Data listing:
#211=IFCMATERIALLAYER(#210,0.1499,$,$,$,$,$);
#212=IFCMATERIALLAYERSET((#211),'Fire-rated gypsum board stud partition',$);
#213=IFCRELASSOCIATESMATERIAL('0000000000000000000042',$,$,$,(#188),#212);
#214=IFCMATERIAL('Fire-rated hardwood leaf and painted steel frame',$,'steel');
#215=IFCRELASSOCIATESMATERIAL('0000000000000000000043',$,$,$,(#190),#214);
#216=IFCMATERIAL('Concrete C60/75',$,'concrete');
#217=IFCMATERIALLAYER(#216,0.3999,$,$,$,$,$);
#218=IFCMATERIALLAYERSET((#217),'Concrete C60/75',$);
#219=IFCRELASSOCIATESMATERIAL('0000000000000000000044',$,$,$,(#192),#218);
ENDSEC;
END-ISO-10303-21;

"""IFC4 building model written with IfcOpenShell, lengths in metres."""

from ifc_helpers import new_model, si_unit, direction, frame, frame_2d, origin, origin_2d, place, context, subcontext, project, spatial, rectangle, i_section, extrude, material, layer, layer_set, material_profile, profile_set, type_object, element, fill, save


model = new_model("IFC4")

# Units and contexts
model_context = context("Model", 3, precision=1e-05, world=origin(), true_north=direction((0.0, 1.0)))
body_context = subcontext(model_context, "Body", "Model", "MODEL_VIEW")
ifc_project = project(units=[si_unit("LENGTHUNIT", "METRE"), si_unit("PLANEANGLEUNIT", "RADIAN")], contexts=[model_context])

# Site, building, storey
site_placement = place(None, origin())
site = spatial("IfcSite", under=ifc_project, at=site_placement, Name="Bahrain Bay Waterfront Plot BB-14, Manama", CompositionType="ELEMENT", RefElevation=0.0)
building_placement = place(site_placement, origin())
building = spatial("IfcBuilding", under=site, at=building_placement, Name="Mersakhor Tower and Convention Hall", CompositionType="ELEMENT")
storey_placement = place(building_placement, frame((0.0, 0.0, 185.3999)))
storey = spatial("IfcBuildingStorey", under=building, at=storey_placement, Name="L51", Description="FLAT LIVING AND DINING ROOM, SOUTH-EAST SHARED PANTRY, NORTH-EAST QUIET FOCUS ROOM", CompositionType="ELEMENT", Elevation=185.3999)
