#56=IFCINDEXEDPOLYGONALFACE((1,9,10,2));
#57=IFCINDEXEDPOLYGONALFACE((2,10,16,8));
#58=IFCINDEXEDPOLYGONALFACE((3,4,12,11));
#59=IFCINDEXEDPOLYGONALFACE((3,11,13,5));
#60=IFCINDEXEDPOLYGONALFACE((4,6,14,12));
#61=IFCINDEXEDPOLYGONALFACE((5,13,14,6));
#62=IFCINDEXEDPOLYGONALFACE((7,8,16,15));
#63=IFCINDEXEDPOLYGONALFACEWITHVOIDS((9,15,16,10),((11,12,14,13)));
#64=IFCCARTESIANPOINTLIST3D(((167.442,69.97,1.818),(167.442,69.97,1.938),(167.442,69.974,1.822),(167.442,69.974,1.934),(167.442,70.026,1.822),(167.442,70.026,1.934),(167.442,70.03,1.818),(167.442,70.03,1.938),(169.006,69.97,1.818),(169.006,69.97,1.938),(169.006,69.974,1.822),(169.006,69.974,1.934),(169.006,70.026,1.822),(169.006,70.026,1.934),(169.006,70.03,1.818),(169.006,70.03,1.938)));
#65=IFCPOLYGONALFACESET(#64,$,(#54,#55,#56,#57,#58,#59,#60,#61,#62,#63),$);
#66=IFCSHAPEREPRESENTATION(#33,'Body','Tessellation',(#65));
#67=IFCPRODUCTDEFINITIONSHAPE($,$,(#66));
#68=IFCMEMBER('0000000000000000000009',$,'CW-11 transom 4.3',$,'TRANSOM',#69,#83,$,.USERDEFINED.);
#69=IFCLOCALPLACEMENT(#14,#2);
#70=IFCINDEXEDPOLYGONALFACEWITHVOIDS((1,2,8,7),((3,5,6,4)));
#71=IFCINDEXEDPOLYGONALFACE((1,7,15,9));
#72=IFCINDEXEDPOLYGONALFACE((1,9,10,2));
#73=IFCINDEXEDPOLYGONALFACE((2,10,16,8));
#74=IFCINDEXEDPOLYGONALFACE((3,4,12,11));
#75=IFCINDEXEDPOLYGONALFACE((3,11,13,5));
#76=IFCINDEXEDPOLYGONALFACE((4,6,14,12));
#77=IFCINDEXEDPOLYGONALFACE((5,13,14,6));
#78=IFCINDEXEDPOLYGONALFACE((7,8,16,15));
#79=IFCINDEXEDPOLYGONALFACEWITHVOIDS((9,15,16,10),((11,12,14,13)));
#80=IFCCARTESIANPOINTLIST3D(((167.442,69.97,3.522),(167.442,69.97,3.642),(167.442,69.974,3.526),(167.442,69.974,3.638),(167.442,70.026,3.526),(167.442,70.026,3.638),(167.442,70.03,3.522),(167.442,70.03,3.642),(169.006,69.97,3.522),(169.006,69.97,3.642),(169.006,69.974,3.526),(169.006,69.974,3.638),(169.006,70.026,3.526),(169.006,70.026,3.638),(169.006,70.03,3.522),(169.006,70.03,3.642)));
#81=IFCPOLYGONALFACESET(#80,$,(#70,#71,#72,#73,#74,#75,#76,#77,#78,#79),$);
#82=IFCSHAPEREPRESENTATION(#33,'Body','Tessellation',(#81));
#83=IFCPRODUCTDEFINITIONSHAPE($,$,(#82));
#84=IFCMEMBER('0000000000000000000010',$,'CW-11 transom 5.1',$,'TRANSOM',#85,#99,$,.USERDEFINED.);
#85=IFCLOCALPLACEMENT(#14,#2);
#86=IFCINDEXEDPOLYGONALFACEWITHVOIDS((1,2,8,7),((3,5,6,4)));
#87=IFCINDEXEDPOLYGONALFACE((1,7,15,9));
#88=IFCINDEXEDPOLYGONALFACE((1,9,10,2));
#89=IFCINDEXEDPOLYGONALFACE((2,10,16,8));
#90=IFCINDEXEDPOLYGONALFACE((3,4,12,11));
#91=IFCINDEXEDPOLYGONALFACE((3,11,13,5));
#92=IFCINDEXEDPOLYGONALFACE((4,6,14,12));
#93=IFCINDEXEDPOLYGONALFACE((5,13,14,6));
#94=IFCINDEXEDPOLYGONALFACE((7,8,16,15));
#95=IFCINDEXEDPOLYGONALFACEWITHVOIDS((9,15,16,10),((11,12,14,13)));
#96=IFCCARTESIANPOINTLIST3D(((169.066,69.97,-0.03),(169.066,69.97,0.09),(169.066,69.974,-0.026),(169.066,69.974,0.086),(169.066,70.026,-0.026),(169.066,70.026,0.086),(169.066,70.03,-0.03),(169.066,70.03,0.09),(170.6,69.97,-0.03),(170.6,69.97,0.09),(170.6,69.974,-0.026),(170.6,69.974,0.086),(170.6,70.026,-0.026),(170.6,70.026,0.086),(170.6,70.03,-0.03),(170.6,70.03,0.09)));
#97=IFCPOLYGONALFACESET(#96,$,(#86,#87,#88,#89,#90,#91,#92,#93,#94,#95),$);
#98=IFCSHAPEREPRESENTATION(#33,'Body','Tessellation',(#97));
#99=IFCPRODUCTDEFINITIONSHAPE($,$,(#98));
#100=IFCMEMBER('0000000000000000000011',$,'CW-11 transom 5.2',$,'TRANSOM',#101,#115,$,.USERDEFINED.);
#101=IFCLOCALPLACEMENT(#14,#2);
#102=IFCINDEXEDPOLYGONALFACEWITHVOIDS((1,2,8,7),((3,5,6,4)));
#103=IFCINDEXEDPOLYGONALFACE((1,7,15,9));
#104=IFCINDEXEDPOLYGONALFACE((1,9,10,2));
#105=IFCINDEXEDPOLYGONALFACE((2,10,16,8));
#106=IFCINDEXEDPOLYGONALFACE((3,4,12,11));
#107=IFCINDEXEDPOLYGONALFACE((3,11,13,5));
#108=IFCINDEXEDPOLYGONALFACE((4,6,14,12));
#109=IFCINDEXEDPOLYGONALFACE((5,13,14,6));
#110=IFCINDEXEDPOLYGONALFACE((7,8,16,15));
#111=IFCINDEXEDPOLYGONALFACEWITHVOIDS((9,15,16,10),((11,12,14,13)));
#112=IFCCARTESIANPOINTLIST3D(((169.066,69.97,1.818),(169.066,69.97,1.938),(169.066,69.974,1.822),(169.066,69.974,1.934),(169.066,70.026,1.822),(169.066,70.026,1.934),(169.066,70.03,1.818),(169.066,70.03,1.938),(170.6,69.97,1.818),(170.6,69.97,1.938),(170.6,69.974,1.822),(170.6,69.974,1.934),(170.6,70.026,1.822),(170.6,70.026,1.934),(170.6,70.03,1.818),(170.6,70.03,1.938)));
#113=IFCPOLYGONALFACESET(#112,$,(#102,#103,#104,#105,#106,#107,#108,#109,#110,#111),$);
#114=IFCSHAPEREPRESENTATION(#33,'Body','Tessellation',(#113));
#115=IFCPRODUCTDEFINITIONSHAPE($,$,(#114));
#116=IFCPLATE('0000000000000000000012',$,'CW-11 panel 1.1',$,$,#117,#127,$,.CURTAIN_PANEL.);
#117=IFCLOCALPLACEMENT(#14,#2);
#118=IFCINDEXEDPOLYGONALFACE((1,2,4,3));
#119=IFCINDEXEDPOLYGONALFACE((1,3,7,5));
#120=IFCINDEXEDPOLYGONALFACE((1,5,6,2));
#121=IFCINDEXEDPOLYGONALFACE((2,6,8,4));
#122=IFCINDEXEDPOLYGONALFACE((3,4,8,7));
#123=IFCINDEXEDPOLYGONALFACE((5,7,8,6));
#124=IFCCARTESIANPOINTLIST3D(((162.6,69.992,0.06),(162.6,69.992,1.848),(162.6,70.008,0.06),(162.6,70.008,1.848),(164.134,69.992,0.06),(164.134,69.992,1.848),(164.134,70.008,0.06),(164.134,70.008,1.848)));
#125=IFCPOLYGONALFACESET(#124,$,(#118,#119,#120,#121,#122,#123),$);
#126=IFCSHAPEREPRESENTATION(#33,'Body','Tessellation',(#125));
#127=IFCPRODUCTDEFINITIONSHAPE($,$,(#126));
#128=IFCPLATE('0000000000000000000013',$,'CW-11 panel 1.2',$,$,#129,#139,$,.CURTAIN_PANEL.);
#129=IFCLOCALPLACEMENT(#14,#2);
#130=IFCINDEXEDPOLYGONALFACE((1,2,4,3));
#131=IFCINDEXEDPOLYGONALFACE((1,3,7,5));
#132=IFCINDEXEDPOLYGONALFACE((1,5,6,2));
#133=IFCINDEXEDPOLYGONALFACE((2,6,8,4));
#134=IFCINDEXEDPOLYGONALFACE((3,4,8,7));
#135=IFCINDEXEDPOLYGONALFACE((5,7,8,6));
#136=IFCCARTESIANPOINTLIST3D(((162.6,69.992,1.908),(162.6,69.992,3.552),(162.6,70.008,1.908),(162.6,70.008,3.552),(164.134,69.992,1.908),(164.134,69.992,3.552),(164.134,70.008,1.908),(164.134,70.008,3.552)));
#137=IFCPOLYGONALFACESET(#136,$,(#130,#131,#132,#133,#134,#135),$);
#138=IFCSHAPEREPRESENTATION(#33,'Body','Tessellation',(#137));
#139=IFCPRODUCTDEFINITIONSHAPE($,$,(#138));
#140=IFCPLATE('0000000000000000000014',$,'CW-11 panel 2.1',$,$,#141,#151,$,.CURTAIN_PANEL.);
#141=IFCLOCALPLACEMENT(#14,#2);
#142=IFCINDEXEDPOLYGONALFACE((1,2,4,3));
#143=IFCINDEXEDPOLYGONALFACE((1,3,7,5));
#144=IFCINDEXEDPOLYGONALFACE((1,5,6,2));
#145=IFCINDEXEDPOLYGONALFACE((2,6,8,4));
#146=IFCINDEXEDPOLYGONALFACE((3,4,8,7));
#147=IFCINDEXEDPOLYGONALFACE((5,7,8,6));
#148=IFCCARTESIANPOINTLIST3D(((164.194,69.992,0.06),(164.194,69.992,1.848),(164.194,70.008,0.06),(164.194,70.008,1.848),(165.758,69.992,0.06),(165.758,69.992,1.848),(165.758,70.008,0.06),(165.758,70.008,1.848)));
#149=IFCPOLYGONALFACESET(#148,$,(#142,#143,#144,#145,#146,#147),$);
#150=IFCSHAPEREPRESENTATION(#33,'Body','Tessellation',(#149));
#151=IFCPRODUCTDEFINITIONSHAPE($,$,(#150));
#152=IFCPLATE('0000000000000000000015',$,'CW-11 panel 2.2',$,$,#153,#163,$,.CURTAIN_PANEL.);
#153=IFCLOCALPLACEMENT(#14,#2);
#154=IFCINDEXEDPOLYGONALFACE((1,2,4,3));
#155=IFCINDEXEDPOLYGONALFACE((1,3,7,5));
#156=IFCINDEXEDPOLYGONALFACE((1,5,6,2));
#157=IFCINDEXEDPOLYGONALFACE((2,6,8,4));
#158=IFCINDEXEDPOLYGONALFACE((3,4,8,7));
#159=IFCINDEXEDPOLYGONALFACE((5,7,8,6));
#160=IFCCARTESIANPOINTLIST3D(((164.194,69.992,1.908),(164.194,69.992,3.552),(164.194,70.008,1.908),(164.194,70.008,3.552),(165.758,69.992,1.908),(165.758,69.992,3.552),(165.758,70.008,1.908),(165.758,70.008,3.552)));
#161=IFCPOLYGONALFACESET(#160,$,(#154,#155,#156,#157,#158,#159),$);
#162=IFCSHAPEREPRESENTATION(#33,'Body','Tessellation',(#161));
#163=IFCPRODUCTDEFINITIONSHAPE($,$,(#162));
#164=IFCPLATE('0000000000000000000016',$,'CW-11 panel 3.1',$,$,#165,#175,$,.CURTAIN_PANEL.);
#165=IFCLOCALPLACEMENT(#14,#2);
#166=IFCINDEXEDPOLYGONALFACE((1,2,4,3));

Problem to solve: Counting the lines above that hold "TRANSOM", reply with the number and no other words.

Task output: 3